Work required:
From the entries that follow, reproduce exactly and only the lines from the line with "#173=IFCPRODUCTDEFINITIONSHAPE($,$,(#172));" to the line with "#180=IFCINDEXEDPOLYGONALFACE((3,4,6,5));", endpoints included.

BEGIN Data shown

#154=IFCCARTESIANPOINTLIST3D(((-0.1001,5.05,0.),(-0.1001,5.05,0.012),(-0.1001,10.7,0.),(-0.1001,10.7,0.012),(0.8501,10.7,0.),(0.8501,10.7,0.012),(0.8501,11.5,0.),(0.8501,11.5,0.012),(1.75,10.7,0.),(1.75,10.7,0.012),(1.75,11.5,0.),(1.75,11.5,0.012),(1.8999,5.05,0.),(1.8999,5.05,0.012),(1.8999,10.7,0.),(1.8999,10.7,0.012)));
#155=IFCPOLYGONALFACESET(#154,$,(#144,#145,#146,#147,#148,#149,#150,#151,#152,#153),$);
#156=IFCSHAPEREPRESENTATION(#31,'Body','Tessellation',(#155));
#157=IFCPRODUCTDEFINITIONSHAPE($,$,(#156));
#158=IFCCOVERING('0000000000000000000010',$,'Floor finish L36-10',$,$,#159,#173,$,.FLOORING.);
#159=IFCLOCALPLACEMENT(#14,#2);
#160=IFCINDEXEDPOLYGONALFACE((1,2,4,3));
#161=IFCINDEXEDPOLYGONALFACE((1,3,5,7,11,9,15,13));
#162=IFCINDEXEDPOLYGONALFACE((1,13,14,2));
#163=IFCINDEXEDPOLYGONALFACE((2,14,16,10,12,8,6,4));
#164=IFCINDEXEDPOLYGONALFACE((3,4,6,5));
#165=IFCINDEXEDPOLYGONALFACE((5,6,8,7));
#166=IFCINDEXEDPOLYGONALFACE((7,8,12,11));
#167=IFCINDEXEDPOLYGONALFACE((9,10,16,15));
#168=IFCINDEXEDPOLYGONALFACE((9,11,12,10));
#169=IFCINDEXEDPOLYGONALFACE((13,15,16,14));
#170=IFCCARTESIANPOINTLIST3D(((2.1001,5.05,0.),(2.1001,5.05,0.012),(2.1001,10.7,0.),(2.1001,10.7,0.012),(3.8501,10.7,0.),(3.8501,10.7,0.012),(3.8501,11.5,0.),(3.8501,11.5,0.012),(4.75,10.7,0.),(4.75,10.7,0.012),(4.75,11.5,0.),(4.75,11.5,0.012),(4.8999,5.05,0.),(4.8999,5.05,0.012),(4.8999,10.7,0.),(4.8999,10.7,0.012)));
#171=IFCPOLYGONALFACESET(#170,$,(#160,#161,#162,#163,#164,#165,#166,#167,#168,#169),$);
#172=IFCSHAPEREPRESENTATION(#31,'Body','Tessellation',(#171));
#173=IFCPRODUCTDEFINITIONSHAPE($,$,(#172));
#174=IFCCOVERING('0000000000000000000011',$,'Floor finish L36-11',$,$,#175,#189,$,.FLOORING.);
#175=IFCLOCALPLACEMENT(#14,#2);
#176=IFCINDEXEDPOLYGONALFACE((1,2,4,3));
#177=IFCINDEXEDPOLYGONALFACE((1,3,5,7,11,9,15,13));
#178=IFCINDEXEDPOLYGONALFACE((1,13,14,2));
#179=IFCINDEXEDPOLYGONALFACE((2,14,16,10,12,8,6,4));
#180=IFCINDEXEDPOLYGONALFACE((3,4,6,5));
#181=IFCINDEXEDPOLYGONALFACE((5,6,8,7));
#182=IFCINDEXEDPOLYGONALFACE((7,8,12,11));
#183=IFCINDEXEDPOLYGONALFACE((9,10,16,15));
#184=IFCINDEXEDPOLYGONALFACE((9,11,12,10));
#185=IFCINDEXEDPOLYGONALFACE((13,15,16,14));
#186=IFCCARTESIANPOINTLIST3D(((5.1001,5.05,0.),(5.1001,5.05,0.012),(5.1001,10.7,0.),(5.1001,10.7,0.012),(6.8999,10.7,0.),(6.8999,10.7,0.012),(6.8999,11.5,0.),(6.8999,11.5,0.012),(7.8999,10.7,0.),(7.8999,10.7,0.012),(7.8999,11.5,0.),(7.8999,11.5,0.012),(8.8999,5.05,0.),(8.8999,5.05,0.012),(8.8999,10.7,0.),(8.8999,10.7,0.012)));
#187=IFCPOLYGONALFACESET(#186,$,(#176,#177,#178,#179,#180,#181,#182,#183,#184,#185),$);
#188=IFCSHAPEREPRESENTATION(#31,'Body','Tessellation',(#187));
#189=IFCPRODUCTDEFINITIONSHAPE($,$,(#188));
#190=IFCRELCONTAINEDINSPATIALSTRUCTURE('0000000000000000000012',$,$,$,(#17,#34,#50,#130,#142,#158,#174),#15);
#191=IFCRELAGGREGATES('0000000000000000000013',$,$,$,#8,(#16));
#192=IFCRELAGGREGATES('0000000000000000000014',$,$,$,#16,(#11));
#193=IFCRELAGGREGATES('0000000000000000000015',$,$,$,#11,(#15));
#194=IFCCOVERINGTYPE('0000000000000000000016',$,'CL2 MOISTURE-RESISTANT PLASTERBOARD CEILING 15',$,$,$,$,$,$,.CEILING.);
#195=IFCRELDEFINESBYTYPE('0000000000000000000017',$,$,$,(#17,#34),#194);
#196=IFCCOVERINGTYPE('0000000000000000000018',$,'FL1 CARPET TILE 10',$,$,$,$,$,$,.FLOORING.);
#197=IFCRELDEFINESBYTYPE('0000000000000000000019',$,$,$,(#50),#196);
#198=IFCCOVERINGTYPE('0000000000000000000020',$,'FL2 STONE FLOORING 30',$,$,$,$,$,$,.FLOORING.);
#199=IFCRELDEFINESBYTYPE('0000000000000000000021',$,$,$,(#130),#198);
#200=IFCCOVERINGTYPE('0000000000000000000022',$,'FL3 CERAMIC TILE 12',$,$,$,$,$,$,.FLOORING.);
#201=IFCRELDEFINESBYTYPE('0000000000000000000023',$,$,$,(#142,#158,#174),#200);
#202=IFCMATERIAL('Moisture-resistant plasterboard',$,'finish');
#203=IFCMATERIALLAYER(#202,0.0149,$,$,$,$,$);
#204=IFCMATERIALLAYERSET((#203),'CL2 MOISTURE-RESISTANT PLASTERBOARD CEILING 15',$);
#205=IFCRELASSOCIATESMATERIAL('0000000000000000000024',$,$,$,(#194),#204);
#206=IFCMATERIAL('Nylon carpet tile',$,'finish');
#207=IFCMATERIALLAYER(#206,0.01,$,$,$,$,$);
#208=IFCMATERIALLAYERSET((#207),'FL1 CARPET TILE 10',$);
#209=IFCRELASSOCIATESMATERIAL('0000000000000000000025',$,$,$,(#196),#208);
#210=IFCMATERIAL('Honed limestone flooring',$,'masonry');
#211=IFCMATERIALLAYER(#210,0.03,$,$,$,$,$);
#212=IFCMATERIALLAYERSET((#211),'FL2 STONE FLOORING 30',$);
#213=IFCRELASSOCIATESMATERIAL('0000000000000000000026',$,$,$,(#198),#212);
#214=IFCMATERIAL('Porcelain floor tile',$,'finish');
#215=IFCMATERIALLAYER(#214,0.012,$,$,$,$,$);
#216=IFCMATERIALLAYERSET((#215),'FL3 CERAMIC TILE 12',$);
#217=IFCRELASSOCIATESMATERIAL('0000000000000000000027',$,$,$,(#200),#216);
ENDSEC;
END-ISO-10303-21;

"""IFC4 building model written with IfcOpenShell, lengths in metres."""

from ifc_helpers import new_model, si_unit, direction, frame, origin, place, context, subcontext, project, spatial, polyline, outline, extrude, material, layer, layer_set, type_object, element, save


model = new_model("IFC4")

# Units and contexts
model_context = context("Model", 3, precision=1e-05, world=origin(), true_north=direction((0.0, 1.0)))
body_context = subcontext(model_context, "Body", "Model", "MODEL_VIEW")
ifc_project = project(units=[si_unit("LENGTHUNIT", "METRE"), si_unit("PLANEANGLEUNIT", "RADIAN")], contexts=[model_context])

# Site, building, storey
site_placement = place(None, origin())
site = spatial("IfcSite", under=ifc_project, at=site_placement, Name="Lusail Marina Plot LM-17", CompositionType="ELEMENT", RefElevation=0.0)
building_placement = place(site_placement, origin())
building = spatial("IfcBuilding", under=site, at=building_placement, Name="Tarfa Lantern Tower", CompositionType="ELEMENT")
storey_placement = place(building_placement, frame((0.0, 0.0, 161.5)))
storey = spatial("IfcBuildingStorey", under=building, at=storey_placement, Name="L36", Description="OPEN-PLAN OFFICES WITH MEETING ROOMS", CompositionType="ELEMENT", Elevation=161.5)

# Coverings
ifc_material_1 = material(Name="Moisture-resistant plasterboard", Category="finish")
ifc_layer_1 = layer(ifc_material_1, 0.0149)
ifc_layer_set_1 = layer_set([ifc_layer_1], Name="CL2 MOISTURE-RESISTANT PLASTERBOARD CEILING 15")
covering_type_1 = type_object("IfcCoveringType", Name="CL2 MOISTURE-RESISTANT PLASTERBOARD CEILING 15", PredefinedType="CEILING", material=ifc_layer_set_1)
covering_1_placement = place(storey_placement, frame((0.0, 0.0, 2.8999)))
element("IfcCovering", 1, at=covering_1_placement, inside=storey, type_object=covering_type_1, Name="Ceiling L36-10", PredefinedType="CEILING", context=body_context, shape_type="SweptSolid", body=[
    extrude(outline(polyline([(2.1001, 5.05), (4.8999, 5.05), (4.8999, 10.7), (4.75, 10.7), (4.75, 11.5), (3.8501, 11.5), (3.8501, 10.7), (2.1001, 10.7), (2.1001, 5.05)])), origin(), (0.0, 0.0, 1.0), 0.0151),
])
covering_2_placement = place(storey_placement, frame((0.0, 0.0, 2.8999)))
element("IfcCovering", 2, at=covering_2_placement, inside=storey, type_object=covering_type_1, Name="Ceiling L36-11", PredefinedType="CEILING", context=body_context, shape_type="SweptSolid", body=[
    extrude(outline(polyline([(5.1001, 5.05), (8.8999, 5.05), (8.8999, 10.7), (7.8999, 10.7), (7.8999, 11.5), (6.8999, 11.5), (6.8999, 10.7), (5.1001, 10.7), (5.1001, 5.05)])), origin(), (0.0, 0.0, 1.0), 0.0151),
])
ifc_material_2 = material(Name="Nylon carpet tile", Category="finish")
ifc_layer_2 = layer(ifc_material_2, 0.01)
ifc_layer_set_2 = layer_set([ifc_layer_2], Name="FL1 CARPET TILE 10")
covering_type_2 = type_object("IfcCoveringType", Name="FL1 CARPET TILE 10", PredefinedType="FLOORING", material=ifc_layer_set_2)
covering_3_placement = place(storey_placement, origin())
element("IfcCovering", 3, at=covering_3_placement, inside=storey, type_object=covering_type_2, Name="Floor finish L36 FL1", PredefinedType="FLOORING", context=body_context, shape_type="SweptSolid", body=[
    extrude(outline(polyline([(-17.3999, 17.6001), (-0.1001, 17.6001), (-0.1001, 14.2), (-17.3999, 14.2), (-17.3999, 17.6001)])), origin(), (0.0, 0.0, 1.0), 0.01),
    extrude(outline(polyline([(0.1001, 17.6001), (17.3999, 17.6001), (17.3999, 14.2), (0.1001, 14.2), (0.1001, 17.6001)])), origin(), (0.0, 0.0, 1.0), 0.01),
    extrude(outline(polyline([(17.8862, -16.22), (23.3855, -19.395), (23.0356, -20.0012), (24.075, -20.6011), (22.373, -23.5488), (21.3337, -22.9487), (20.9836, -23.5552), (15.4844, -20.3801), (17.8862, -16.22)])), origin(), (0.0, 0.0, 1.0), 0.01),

END Data shown

Problem solution:
#173=IFCPRODUCTDEFINITIONSHAPE($,$,(#172));
#174=IFCCOVERING('0000000000000000000011',$,'Floor finish L36-11',$,$,#175,#189,$,.FLOORING.);
#175=IFCLOCALPLACEMENT(#14,#2);
#176=IFCINDEXEDPOLYGONALFACE((1,2,4,3));
#177=IFCINDEXEDPOLYGONALFACE((1,3,5,7,11,9,15,13));
#178=IFCINDEXEDPOLYGONALFACE((1,13,14,2));
#179=IFCINDEXEDPOLYGONALFACE((2,14,16,10,12,8,6,4));
#180=IFCINDEXEDPOLYGONALFACE((3,4,6,5));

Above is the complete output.